-- EXERCISE REQUIREMENTS --
Return each line of the listing that contains the string "Aluminium".

-- DATA IN THIS EXERCISE --
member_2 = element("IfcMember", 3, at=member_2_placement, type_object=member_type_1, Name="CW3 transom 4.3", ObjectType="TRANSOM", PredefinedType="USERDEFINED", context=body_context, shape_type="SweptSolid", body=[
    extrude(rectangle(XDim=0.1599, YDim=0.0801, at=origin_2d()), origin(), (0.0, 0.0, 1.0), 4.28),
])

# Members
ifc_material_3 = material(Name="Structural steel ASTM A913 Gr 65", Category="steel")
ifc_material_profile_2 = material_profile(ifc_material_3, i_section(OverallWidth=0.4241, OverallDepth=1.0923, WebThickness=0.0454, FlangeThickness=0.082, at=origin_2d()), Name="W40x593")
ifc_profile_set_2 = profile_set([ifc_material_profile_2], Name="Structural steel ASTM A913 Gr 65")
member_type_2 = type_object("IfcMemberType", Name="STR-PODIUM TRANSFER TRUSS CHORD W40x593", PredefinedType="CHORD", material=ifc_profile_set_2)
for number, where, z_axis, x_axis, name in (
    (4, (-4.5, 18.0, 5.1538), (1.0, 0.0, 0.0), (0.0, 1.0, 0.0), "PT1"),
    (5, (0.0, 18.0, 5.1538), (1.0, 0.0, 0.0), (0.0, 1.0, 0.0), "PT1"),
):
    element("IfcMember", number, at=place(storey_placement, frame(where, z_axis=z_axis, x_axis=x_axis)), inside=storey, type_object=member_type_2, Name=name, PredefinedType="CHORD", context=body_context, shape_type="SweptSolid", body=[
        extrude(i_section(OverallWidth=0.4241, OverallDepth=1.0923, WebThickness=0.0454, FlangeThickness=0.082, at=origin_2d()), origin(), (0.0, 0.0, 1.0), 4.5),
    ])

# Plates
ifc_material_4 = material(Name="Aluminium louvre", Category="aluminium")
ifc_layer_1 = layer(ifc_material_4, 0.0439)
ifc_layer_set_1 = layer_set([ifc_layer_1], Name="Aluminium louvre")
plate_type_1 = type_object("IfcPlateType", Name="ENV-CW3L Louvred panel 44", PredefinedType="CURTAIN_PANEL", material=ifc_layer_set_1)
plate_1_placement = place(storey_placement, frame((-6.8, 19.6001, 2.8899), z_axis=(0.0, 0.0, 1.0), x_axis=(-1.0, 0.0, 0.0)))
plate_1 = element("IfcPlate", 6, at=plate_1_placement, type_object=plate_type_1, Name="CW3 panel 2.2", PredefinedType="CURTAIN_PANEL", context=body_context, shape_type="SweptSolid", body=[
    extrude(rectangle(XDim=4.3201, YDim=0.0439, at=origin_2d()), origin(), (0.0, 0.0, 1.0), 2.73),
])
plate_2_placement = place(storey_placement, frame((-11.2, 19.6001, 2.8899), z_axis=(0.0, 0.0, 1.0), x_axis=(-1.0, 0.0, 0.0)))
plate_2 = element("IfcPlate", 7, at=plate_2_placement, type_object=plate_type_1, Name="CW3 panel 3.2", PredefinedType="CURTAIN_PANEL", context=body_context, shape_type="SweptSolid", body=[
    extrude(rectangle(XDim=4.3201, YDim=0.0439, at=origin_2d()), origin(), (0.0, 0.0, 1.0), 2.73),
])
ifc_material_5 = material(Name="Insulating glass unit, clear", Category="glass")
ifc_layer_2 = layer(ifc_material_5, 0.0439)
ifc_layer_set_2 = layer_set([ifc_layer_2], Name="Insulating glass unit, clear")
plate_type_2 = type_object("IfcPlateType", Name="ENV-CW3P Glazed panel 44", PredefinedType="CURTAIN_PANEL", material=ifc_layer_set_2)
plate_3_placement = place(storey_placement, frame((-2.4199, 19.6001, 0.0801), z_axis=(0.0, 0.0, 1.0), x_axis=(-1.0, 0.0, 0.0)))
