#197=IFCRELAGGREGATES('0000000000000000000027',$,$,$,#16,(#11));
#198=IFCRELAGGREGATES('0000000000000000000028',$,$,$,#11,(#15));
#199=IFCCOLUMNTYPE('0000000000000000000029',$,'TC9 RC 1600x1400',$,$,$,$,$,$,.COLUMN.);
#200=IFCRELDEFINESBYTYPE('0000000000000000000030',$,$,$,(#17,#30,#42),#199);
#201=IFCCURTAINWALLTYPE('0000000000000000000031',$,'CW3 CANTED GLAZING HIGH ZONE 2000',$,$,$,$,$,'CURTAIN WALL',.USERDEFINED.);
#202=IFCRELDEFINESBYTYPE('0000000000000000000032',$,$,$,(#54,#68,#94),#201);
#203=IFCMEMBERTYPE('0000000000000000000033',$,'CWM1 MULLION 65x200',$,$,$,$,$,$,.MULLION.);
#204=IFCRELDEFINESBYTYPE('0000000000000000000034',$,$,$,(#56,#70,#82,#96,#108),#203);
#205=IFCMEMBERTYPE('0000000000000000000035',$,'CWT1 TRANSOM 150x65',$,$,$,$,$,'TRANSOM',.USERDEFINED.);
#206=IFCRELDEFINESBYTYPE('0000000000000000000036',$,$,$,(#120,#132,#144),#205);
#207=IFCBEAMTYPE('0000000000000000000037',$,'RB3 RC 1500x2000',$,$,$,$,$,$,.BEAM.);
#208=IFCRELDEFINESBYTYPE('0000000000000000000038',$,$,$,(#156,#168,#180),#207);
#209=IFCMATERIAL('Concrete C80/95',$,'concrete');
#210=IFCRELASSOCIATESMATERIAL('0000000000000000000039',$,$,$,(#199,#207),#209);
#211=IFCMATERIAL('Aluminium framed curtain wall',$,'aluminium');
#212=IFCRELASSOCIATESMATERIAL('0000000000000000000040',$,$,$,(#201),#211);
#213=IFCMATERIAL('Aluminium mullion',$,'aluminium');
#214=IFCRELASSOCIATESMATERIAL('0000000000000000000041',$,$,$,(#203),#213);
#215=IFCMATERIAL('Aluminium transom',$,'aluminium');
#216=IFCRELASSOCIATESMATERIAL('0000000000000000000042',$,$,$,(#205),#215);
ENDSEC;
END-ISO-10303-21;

-- EXPECTED ANSWER --
ifc_material_4 = material(Name="Aluminium louvre", Category="aluminium")
ifc_layer_set_1 = layer_set([ifc_layer_1], Name="Aluminium louvre")
#211=IFCMATERIAL('Aluminium framed curtain wall',$,'aluminium');
#213=IFCMATERIAL('Aluminium mullion',$,'aluminium');
#215=IFCMATERIAL('Aluminium transom',$,'aluminium');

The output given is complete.